▸ Given information
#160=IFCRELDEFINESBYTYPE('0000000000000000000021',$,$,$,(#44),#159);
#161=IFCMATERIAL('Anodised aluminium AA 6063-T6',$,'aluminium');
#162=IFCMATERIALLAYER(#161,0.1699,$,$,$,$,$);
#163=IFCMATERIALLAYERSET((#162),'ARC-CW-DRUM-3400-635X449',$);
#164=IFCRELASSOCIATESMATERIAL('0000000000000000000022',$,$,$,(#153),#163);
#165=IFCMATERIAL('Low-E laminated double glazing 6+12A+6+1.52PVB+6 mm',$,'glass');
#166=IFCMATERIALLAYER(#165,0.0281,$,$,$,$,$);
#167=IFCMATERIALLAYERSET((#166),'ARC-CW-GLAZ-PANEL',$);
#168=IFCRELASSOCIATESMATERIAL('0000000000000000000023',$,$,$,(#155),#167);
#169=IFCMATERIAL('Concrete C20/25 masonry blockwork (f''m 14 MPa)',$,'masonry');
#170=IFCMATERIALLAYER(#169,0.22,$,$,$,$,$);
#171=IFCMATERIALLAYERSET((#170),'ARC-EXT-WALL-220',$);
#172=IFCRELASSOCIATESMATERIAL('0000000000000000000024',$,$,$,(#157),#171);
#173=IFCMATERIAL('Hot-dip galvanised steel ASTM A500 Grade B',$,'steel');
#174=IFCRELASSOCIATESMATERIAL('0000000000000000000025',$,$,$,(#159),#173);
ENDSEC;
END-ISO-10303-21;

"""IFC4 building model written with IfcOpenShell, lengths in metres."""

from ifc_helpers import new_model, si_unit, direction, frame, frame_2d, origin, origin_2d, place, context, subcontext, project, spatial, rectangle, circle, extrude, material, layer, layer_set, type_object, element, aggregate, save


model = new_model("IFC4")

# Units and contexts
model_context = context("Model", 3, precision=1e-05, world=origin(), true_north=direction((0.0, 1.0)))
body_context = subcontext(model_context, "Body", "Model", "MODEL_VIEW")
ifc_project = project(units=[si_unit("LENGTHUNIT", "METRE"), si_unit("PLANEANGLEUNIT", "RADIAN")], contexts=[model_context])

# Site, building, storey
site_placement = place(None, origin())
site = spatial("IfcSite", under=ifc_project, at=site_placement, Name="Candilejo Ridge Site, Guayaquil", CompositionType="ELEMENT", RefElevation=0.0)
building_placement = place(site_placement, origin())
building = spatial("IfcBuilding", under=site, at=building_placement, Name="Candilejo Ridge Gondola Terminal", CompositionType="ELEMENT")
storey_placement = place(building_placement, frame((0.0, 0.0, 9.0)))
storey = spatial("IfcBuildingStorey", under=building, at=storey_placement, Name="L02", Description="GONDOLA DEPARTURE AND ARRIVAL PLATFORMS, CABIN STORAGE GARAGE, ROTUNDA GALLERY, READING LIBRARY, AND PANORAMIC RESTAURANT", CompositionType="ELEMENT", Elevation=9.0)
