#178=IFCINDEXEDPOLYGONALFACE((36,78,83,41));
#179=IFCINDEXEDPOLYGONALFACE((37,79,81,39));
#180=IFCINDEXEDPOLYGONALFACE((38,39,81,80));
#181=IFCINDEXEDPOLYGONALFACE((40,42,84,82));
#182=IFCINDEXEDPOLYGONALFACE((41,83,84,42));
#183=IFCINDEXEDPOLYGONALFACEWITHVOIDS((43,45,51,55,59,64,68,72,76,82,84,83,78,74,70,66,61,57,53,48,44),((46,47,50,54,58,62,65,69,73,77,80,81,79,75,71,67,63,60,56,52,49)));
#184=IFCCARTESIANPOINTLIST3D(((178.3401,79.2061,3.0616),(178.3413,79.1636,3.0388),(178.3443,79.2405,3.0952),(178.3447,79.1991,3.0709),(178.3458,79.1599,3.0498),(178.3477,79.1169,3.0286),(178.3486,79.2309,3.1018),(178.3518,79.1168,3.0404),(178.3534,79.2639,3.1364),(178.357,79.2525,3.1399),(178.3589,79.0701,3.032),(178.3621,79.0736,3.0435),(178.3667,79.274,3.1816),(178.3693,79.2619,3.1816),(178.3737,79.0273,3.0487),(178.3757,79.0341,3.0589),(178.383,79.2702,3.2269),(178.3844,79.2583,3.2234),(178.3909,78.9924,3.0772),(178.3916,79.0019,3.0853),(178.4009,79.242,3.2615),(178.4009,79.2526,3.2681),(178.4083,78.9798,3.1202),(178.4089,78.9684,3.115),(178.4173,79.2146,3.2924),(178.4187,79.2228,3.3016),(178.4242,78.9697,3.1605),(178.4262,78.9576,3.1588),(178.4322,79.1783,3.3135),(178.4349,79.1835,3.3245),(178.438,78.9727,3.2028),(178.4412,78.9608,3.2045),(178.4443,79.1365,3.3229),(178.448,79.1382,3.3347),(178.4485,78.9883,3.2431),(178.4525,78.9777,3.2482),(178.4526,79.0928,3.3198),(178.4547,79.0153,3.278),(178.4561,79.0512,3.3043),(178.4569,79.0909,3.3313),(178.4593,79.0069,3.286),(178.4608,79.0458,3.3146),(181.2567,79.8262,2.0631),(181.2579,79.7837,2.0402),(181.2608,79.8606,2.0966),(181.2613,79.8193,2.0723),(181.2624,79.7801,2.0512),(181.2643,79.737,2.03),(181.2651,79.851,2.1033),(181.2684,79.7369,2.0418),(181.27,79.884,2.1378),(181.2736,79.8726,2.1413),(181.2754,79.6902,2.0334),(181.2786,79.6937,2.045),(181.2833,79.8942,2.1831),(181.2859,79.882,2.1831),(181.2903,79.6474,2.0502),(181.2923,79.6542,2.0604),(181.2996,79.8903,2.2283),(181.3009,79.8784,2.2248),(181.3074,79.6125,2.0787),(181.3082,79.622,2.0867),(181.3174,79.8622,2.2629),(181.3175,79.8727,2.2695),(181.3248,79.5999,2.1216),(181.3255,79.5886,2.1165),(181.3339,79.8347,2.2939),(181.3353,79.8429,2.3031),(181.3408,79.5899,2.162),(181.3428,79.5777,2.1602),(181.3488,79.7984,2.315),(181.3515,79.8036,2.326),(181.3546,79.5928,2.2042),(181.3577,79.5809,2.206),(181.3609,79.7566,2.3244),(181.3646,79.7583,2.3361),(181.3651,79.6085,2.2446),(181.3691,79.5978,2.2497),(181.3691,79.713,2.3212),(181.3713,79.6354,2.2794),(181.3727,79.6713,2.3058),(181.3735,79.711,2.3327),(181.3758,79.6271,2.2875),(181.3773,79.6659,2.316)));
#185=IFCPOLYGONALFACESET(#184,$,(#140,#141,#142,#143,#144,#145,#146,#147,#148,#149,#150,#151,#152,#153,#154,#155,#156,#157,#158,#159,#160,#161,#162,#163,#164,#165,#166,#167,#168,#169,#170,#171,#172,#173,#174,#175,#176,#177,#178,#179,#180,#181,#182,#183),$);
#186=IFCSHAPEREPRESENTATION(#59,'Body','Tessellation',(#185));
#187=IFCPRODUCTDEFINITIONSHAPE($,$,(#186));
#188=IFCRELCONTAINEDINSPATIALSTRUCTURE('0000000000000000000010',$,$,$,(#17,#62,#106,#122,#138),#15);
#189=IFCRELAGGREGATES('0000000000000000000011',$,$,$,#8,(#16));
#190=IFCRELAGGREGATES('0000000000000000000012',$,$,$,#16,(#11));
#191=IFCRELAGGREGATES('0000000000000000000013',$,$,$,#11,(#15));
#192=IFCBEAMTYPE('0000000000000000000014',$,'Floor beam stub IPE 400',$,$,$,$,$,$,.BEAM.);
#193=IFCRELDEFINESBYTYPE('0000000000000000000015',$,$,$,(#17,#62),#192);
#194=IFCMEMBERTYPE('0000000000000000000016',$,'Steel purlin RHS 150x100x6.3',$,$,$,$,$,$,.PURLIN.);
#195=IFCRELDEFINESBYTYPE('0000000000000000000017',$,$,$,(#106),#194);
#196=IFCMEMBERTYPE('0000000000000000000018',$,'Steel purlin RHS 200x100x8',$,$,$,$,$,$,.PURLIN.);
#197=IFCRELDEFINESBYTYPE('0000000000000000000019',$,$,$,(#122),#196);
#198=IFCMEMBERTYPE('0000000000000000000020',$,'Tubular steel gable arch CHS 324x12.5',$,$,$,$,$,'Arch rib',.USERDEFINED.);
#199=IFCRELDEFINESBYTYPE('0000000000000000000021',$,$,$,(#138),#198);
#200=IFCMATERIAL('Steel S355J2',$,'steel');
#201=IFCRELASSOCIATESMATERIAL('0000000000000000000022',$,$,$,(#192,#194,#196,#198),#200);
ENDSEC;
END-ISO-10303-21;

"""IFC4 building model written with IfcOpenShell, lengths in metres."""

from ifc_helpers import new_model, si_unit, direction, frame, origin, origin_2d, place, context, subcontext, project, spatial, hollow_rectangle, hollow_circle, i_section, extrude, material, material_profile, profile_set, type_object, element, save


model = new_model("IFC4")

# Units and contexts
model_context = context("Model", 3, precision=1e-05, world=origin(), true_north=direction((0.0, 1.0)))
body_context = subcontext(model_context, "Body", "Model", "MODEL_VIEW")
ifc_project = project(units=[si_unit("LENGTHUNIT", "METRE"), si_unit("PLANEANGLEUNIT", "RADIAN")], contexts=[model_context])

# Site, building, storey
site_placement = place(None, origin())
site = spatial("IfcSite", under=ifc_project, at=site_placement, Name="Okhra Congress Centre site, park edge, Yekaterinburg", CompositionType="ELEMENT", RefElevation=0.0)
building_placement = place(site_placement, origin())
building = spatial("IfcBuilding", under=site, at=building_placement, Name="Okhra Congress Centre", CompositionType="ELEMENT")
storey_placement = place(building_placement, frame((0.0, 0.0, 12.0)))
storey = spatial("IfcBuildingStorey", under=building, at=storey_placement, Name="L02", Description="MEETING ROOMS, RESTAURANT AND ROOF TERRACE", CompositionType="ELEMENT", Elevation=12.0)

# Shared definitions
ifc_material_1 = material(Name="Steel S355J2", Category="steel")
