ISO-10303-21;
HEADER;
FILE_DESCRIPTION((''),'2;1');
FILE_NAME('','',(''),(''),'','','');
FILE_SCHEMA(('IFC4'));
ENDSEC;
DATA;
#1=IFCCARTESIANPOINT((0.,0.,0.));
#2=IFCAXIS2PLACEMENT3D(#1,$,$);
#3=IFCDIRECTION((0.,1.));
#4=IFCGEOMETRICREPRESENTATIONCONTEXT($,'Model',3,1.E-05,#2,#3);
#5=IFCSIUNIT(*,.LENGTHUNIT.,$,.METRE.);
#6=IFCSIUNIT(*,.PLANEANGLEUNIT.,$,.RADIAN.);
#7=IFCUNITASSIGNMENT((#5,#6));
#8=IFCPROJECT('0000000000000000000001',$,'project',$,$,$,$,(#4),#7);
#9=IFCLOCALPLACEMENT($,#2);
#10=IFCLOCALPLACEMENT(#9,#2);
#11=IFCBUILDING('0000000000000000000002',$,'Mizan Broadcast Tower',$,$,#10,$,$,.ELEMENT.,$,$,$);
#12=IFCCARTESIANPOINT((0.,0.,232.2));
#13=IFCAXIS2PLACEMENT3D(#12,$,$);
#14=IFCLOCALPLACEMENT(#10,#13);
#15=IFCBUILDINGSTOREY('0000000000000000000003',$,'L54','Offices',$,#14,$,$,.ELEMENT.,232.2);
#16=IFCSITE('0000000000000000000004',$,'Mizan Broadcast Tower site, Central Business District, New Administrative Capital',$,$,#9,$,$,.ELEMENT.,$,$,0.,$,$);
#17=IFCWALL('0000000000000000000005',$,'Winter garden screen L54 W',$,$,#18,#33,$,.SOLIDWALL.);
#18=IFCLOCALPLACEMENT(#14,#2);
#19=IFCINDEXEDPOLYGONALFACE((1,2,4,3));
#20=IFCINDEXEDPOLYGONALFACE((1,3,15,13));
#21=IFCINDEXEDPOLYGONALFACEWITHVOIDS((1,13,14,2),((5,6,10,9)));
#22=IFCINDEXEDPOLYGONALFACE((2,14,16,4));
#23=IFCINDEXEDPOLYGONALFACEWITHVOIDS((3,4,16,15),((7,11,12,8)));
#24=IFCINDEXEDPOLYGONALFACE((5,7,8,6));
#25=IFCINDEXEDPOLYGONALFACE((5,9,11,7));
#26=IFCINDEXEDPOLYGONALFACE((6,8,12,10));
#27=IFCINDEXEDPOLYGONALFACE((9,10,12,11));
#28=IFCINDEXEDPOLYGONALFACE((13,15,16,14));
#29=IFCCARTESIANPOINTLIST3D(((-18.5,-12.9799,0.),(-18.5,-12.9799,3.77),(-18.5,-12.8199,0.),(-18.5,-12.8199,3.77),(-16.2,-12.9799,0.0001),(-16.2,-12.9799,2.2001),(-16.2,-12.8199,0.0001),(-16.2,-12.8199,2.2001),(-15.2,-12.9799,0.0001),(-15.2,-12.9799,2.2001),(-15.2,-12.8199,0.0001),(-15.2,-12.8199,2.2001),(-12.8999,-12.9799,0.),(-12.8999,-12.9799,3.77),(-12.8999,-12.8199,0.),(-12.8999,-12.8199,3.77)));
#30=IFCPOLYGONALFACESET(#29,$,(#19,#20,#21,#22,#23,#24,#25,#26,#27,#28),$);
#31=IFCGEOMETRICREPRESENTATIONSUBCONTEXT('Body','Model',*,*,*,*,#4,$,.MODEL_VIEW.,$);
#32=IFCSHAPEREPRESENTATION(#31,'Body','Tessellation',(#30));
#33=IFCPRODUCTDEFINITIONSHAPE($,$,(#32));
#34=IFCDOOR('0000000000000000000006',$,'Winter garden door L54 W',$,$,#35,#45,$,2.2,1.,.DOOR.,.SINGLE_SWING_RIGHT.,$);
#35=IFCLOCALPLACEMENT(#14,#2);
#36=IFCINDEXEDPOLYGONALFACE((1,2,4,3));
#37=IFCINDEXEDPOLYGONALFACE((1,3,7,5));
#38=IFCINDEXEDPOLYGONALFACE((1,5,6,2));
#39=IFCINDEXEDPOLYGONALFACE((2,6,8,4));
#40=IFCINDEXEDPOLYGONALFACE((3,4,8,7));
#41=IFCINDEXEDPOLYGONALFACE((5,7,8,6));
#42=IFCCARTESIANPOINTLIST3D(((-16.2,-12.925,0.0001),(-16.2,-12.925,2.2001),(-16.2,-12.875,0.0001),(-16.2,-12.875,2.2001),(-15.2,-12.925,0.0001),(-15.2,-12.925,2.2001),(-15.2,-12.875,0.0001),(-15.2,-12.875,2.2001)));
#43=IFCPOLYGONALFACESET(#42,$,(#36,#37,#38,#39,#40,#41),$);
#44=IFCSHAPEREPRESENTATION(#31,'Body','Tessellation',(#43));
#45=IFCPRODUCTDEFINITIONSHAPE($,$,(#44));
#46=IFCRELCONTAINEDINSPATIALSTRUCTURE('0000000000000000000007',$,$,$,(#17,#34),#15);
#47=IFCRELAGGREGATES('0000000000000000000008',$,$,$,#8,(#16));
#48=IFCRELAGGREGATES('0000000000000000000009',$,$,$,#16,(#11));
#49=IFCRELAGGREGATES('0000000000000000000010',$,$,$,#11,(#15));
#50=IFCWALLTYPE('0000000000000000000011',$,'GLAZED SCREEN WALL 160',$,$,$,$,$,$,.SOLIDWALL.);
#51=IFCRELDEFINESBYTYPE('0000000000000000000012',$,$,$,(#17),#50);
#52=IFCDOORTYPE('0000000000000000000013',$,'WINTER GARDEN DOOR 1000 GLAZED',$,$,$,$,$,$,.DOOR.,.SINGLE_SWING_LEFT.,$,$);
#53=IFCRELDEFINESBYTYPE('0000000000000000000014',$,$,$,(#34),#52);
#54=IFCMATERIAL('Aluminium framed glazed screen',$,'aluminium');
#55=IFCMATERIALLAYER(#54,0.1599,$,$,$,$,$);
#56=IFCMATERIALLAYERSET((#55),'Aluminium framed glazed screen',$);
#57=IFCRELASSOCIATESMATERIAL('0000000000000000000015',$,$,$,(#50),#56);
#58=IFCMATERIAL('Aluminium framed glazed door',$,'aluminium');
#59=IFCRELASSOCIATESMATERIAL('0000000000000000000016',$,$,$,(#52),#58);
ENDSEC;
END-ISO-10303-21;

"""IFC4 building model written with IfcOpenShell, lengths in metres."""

from ifc_helpers import new_model, si_unit, direction, frame, frame_2d, origin, place, context, subcontext, project, spatial, rectangle, extrude, material, layer, layer_set, type_object, element, fill, save


model = new_model("IFC4")

# Units and contexts
model_context = context("Model", 3, precision=1e-05, world=origin(), true_north=direction((0.0, 1.0)))
body_context = subcontext(model_context, "Body", "Model", "MODEL_VIEW")
ifc_project = project(units=[si_unit("LENGTHUNIT", "METRE"), si_unit("PLANEANGLEUNIT", "RADIAN")], contexts=[model_context])

# Site, building, storey
site_placement = place(None, origin())
site = spatial("IfcSite", under=ifc_project, at=site_placement, Name="Mizan Broadcast Tower site, Central Business District, New Administrative Capital", CompositionType="ELEMENT", RefElevation=0.0)
building_placement = place(site_placement, origin())
building = spatial("IfcBuilding", under=site, at=building_placement, Name="Mizan Broadcast Tower", CompositionType="ELEMENT")
storey_placement = place(building_placement, frame((0.0, 0.0, 232.2)))
storey = spatial("IfcBuildingStorey", under=building, at=storey_placement, Name="L54", Description="Offices", CompositionType="ELEMENT", Elevation=232.2)

# Wall, opening, door
ifc_material_1 = material(Name="Aluminium framed glazed screen", Category="aluminium")
ifc_layer_1 = layer(ifc_material_1, 0.1599)
ifc_layer_set_1 = layer_set([ifc_layer_1], Name="Aluminium framed glazed screen")
wall_type = type_object("IfcWallType", Name="GLAZED SCREEN WALL 160", PredefinedType="SOLIDWALL", material=ifc_layer_set_1)
wall_placement = place(storey_placement, frame((-18.5, -12.8999, 0.0), z_axis=(0.0, 0.0, 1.0), x_axis=(1.0, 0.0, 0.0)))
wall = element("IfcWall", 1, at=wall_placement, inside=storey, type_object=wall_type, Name="Winter garden screen L54 W", PredefinedType="SOLIDWALL", context=body_context, shape_type="SweptSolid", body=[
    extrude(rectangle(XDim=5.6001, YDim=0.1599, at=frame_2d((2.8, 0.0))), origin(), (0.0, 0.0, 1.0), 3.77),
])
opening_placement = place(wall_placement, frame((2.3, 0.0, 0.0)))
opening = element("IfcOpeningElement", 2, at=opening_placement, cuts=wall, PredefinedType="OPENING", context=body_context, shape_type="SweptSolid", body=[
    extrude(rectangle(XDim=1.0, YDim=2.2, at=frame_2d((0.5, 1.1001))), frame((0.0, 0.0898, 0.0), z_axis=(0.0, -1.0, 0.0), x_axis=(1.0, 0.0, 0.0)), (0.0, 0.0, 1.0), 0.1799),
])
ifc_material_2 = material(Name="Aluminium framed glazed door", Category="aluminium")
door_type = type_object("IfcDoorType", Name="WINTER GARDEN DOOR 1000 GLAZED", OperationType="SINGLE_SWING_LEFT", PredefinedType="DOOR", material=ifc_material_2)
door_placement = place(opening_placement, origin())
door = element("IfcDoor", 3, at=door_placement, inside=storey, type_object=door_type, Name="Winter garden door L54 W", OperationType="SINGLE_SWING_RIGHT", OverallHeight=2.2, OverallWidth=1.0, PredefinedType="DOOR", context=body_context, shape_type="SweptSolid", body=[
    extrude(rectangle(XDim=1.0, YDim=2.2, at=frame_2d((0.5, 1.1001))), frame((0.0, 0.0249, 0.0), z_axis=(0.0, -1.0, 0.0), x_axis=(1.0, 0.0, 0.0)), (0.0, 0.0, 1.0), 0.05),
])
fill(opening, door)

save(model, "model.ifc")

▸ Problem description
Could you write out exactly the lines above, starting at the first one and ending with the line that has "#167=IFCMATERIALLAYERSET((#166),'ARC-CW-GLAZ-PANEL',$);"?

▸ Exercise result
#160=IFCRELDEFINESBYTYPE('0000000000000000000021',$,$,$,(#44),#159);
#161=IFCMATERIAL('Anodised aluminium AA 6063-T6',$,'aluminium');
#162=IFCMATERIALLAYER(#161,0.1699,$,$,$,$,$);
#163=IFCMATERIALLAYERSET((#162),'ARC-CW-DRUM-3400-635X449',$);
#164=IFCRELASSOCIATESMATERIAL('0000000000000000000022',$,$,$,(#153),#163);
#165=IFCMATERIAL('Low-E laminated double glazing 6+12A+6+1.52PVB+6 mm',$,'glass');
#166=IFCMATERIALLAYER(#165,0.0281,$,$,$,$,$);
#167=IFCMATERIALLAYERSET((#166),'ARC-CW-GLAZ-PANEL',$);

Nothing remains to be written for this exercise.